> AIM OF THE EXERCISE: Beneath this instruction is a listing. Transcribe from it only the stretch from the line with "#1=IFCCARTESIANPOINT((0.,0.,0.));" through the line with "AND MANAGER''S OFFICE',$,#14,$,$,.ELEMENT.,115.8);", both end lines included, exactly as written.
-*-
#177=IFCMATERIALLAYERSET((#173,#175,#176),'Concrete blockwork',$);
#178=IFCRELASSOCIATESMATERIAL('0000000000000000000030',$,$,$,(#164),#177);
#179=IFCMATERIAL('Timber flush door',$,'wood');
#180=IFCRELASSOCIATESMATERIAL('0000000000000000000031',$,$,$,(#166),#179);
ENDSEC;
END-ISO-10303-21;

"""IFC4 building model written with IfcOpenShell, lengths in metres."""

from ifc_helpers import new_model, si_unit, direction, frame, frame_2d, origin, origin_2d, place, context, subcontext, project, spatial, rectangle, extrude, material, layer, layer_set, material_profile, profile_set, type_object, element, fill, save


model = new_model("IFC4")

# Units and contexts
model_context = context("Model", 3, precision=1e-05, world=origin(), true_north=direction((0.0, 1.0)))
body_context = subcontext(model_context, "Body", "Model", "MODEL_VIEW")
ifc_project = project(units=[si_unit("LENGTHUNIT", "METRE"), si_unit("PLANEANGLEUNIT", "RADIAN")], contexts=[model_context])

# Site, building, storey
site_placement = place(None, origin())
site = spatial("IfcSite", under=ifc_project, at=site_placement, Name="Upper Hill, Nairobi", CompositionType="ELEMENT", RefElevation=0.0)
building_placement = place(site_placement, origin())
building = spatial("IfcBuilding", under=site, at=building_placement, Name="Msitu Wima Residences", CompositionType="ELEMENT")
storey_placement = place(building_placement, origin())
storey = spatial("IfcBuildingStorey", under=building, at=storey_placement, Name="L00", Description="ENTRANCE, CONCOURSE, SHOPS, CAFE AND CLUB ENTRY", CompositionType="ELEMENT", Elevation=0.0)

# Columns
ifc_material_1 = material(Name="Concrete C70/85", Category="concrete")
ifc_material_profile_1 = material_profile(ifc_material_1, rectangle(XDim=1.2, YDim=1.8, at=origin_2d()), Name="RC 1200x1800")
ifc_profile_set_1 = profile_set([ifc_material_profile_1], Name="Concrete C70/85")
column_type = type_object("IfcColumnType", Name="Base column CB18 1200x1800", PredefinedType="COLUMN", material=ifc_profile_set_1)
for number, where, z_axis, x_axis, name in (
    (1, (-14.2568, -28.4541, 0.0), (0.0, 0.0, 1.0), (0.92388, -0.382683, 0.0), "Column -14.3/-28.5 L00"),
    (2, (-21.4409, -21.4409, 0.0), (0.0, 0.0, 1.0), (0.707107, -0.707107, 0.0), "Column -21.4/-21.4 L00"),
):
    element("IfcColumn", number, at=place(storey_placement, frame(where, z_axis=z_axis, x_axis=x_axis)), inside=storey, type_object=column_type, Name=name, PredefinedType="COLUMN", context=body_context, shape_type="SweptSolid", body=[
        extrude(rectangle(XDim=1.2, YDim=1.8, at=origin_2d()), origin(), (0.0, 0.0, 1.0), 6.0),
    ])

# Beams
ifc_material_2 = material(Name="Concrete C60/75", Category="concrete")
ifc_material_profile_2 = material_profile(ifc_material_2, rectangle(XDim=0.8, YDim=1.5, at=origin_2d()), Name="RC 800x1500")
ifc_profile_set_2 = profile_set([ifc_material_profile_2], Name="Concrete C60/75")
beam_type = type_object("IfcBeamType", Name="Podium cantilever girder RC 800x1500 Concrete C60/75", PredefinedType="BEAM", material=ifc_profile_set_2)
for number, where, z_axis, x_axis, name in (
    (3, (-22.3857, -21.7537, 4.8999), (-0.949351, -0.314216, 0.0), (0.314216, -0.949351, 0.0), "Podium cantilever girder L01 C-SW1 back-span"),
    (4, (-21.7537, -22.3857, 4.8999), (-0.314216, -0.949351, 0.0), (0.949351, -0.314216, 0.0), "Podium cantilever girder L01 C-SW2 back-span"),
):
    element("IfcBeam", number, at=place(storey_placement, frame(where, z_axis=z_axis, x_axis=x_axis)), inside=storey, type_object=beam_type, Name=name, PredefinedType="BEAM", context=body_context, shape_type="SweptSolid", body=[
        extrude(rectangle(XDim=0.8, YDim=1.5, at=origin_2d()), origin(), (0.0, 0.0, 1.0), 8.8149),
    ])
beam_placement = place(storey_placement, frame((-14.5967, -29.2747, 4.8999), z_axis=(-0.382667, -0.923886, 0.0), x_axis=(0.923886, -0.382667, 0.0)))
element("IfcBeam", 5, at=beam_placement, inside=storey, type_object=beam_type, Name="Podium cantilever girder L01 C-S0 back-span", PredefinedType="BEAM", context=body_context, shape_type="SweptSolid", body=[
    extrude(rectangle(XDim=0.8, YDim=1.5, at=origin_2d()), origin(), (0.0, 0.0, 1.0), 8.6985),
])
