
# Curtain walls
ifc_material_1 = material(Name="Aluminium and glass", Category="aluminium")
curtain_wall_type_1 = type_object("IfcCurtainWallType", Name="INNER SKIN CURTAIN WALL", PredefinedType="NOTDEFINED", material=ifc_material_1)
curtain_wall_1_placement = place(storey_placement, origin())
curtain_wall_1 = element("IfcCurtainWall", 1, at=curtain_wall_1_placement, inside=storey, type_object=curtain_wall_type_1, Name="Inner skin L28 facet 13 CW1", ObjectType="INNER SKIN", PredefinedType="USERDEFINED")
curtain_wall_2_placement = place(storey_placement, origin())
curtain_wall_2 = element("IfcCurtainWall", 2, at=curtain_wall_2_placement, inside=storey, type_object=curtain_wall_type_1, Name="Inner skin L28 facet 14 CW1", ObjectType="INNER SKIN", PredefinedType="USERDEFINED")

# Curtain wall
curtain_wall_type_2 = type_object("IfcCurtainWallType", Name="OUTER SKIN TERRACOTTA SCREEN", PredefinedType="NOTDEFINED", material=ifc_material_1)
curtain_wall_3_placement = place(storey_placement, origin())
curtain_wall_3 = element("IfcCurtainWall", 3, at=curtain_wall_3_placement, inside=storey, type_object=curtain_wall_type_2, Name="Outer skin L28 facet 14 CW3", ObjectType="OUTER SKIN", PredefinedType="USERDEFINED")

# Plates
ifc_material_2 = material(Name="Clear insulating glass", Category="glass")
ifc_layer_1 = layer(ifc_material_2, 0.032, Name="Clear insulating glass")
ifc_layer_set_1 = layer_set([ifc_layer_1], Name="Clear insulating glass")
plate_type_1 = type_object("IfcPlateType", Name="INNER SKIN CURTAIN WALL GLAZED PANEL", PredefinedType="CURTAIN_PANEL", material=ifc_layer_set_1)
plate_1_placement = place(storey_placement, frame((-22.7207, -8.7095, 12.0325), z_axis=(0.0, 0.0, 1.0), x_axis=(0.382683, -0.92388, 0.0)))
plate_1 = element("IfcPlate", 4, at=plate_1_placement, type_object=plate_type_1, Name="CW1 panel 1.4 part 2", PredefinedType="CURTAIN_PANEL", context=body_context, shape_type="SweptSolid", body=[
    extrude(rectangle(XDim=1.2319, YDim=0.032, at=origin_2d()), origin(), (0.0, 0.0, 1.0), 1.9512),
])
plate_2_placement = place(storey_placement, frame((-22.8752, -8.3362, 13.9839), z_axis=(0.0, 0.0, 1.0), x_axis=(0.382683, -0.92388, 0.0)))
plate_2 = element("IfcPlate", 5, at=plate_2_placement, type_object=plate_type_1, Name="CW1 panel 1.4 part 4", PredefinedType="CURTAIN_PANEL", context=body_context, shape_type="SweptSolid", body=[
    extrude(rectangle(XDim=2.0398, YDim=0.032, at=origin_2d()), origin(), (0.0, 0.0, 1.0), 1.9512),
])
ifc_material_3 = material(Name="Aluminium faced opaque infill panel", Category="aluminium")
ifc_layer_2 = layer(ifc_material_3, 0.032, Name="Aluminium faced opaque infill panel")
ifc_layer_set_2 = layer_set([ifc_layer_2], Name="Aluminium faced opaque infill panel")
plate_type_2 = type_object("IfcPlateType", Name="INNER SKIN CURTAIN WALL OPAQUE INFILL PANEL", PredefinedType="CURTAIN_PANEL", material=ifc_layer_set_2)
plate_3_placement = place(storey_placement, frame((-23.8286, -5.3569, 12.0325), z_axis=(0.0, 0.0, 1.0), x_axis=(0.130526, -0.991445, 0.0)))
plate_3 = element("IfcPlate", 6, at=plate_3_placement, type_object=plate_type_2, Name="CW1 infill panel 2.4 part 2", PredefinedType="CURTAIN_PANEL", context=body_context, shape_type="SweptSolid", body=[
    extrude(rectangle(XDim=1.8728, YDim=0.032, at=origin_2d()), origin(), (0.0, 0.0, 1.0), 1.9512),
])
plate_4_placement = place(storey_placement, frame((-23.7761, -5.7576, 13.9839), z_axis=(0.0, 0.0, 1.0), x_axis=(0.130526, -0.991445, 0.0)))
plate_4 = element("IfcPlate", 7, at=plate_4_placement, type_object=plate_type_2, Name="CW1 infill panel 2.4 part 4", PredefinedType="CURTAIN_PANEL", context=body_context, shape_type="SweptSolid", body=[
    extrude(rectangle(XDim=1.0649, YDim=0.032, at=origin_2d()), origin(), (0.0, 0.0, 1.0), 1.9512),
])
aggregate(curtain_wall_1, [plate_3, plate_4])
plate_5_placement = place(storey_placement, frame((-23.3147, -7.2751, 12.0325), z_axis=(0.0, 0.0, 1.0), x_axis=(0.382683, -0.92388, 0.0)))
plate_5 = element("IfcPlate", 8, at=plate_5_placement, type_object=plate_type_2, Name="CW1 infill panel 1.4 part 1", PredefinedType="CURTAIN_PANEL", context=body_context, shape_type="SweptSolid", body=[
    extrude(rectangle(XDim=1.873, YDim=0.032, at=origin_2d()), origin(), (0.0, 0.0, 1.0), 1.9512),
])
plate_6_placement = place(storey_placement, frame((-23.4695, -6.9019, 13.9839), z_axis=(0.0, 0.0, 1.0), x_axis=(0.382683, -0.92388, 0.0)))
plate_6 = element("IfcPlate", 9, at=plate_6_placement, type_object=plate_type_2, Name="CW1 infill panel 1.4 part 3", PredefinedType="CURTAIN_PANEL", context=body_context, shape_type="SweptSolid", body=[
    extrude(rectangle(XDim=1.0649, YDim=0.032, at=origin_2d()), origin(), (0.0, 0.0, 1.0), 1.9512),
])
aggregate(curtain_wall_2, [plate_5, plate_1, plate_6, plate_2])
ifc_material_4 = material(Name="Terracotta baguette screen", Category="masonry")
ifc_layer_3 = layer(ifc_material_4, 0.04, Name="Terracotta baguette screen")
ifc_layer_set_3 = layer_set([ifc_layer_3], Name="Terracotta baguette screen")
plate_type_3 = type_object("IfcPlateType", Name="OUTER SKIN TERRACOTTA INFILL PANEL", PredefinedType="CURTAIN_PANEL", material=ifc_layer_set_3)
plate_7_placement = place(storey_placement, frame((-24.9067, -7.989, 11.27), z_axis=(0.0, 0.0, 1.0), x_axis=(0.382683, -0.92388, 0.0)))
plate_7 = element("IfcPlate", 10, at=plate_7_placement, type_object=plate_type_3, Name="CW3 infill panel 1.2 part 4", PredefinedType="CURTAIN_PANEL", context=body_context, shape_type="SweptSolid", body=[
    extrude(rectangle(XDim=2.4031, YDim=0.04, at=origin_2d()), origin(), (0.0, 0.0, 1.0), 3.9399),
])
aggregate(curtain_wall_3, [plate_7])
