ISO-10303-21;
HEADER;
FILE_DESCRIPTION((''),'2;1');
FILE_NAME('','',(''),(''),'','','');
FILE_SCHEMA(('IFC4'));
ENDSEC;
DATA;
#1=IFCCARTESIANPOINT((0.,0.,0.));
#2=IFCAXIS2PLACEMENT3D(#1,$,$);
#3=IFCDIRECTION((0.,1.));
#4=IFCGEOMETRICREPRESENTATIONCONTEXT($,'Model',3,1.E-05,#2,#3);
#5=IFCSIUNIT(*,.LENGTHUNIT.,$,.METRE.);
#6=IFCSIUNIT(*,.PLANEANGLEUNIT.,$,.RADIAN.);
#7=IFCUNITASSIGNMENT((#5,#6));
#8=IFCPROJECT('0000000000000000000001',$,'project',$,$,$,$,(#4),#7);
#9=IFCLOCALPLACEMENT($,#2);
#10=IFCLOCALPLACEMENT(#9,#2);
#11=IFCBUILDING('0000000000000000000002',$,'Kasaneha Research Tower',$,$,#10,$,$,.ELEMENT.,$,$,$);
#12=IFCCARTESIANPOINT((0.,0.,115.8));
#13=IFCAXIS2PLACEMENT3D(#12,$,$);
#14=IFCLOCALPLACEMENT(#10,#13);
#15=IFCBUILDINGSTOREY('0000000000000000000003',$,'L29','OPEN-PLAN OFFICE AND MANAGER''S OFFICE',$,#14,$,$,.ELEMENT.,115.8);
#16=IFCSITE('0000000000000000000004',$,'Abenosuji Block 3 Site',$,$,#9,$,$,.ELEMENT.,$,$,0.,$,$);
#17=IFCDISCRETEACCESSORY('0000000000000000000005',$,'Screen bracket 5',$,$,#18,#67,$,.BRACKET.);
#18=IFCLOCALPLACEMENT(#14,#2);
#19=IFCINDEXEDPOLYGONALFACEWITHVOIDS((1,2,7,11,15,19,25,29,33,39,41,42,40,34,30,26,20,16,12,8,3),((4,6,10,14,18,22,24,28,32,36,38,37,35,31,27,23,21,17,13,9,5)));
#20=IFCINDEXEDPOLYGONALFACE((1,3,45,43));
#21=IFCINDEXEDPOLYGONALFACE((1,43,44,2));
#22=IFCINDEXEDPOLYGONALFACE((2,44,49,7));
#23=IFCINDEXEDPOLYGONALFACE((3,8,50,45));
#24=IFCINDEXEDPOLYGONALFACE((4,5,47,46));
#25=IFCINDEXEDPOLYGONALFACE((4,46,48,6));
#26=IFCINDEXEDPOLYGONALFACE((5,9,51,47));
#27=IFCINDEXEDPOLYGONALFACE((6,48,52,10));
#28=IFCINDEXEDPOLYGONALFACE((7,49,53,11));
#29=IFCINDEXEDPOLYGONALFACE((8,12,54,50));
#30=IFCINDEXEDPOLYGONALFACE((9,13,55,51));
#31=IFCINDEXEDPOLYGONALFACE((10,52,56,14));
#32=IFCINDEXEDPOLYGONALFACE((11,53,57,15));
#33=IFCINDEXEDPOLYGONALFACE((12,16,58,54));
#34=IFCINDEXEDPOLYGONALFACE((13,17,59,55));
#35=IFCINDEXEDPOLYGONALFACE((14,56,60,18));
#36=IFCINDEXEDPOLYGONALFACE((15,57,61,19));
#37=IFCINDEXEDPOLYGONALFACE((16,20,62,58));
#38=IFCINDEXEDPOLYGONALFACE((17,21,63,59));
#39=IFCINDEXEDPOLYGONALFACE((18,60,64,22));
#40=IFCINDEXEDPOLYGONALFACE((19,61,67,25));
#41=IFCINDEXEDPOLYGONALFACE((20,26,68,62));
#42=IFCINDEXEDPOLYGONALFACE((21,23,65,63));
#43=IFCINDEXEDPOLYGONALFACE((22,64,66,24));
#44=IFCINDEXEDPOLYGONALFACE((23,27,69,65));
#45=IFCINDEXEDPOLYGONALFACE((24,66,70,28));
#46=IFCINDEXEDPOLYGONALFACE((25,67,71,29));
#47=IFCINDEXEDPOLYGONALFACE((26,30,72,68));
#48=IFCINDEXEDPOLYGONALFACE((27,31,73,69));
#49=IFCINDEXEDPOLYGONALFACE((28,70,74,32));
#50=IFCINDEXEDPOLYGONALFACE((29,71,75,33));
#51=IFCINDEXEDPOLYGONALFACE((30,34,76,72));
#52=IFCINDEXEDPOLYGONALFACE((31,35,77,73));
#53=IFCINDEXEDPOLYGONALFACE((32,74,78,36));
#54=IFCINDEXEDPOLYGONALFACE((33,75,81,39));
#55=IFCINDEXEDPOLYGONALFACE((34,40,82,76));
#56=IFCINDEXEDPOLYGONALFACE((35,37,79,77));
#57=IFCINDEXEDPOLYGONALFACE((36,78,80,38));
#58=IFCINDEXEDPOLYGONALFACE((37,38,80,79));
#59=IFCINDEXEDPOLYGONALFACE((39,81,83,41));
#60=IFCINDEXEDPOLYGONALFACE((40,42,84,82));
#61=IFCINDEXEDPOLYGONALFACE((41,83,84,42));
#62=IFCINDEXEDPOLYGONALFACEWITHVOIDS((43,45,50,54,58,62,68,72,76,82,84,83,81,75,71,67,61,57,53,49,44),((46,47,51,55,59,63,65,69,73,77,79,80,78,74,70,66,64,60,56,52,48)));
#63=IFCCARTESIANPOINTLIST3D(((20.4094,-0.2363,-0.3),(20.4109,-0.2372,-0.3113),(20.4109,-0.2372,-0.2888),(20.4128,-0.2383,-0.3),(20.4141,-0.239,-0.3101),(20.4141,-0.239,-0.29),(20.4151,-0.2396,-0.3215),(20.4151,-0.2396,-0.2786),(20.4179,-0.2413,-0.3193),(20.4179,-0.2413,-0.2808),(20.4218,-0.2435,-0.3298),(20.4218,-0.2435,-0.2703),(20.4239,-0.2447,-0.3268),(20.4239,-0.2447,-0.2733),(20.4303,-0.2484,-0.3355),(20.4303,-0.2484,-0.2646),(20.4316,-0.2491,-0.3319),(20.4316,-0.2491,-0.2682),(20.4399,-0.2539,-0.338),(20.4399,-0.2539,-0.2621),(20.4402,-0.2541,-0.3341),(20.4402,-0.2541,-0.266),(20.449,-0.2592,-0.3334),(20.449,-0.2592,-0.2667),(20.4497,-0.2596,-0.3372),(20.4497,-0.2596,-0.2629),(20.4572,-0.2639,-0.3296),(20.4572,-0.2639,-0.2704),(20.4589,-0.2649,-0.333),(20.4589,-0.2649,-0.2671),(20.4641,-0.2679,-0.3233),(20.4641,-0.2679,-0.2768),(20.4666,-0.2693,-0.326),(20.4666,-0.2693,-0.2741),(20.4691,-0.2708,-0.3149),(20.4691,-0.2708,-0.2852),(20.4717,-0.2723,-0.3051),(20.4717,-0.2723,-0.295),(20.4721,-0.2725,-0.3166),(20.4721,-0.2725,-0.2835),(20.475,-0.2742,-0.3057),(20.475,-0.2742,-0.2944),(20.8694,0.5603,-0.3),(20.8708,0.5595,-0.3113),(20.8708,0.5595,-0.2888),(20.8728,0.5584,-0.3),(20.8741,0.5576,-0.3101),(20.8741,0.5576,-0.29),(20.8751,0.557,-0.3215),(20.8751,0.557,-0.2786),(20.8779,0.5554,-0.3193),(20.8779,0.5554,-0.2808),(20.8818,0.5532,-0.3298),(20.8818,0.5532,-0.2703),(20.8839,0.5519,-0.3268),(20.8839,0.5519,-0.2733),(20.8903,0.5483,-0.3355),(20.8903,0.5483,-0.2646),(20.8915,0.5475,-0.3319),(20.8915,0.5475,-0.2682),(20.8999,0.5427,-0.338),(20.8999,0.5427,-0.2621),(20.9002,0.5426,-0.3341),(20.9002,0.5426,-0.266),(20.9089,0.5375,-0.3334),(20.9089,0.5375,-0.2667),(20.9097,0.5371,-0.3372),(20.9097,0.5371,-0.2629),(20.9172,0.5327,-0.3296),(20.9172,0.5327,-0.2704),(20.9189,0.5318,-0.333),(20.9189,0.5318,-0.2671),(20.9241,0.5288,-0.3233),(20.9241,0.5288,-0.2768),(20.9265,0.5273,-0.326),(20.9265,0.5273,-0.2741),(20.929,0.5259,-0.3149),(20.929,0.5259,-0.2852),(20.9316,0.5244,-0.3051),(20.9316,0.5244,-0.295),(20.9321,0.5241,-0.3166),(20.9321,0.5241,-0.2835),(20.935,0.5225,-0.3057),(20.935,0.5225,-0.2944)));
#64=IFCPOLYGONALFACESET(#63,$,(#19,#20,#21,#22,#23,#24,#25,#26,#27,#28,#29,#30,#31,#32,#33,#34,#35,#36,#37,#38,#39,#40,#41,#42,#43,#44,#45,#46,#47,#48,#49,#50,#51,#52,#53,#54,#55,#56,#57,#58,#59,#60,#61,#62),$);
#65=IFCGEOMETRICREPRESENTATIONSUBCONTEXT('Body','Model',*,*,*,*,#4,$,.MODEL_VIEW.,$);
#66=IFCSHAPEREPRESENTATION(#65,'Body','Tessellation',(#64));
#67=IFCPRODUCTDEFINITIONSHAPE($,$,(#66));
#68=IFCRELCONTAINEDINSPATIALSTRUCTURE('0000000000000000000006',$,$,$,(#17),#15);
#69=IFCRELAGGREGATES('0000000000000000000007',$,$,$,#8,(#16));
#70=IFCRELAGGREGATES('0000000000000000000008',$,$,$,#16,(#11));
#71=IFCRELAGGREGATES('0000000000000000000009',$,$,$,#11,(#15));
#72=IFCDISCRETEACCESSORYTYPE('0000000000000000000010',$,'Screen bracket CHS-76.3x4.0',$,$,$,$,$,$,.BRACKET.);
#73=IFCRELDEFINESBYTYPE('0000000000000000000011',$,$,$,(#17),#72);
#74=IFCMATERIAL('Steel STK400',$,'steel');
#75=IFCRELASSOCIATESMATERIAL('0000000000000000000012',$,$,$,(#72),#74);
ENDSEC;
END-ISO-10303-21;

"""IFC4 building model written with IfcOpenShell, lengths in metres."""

from ifc_helpers import new_model, si_unit, direction, frame, origin, origin_2d, place, context, subcontext, project, spatial, hollow_circle, extrude, material, material_profile, profile_set, type_object, element, save


model = new_model("IFC4")

# Units and contexts
model_context = context("Model", 3, precision=1e-05, world=origin(), true_north=direction((0.0, 1.0)))
body_context = subcontext(model_context, "Body", "Model", "MODEL_VIEW")
ifc_project = project(units=[si_unit("LENGTHUNIT", "METRE"), si_unit("PLANEANGLEUNIT", "RADIAN")], contexts=[model_context])

# Site, building, storey
site_placement = place(None, origin())
site = spatial("IfcSite", under=ifc_project, at=site_placement, Name="Abenosuji Block 3 Site", CompositionType="ELEMENT", RefElevation=0.0)
building_placement = place(site_placement, origin())
building = spatial("IfcBuilding", under=site, at=building_placement, Name="Kasaneha Research Tower", CompositionType="ELEMENT")
storey_placement = place(building_placement, frame((0.0, 0.0, 115.8)))
storey = spatial("IfcBuildingStorey", under=building, at=storey_placement, Name="L29", Description="OPEN-PLAN OFFICE AND MANAGER'S OFFICE", CompositionType="ELEMENT", Elevation=115.8)

# Discrete accessory
ifc_material_1 = material(Name="Steel STK400", Category="steel")
ifc_material_profile_1 = material_profile(ifc_material_1, hollow_circle(Radius=0.0381, WallThickness=0.0039, at=origin_2d()), Name="CHS-76.3x4.0")
ifc_profile_set_1 = profile_set([ifc_material_profile_1], Name="Steel STK400")
discrete_accessory_type = type_object("IfcDiscreteAccessoryType", Name="Screen bracket CHS-76.3x4.0", PredefinedType="BRACKET", material=ifc_profile_set_1)
discrete_accessory_1_placement = place(storey_placement, frame((20.4424, -0.2554, -0.3), z_axis=(0.500021, 0.866013, 0.0), x_axis=(-0.866013, 0.500021, 0.0)))
element("IfcDiscreteAccessory", 1, at=discrete_accessory_1_placement, inside=storey, type_object=discrete_accessory_type, Name="Screen bracket 5", PredefinedType="BRACKET", context=body_context, shape_type="SweptSolid", body=[
    extrude(hollow_circle(Radius=0.0381, WallThickness=0.0039, at=origin_2d()), origin(), (0.0, 0.0, 1.0), 0.9199),
])

save(model, "model.ifc")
-*-
> RESPONSE BELOW:
#1=IFCCARTESIANPOINT((0.,0.,0.));
#2=IFCAXIS2PLACEMENT3D(#1,$,$);
#3=IFCDIRECTION((0.,1.));
#4=IFCGEOMETRICREPRESENTATIONCONTEXT($,'Model',3,1.E-05,#2,#3);
#5=IFCSIUNIT(*,.LENGTHUNIT.,$,.METRE.);
#6=IFCSIUNIT(*,.PLANEANGLEUNIT.,$,.RADIAN.);
#7=IFCUNITASSIGNMENT((#5,#6));
#8=IFCPROJECT('0000000000000000000001',$,'project',$,$,$,$,(#4),#7);
#9=IFCLOCALPLACEMENT($,#2);
#10=IFCLOCALPLACEMENT(#9,#2);
#11=IFCBUILDING('0000000000000000000002',$,'Kasaneha Research Tower',$,$,#10,$,$,.ELEMENT.,$,$,$);
#12=IFCCARTESIANPOINT((0.,0.,115.8));
#13=IFCAXIS2PLACEMENT3D(#12,$,$);
#14=IFCLOCALPLACEMENT(#10,#13);
#15=IFCBUILDINGSTOREY('0000000000000000000003',$,'L29','OPEN-PLAN OFFICE AND MANAGER''S OFFICE',$,#14,$,$,.ELEMENT.,115.8);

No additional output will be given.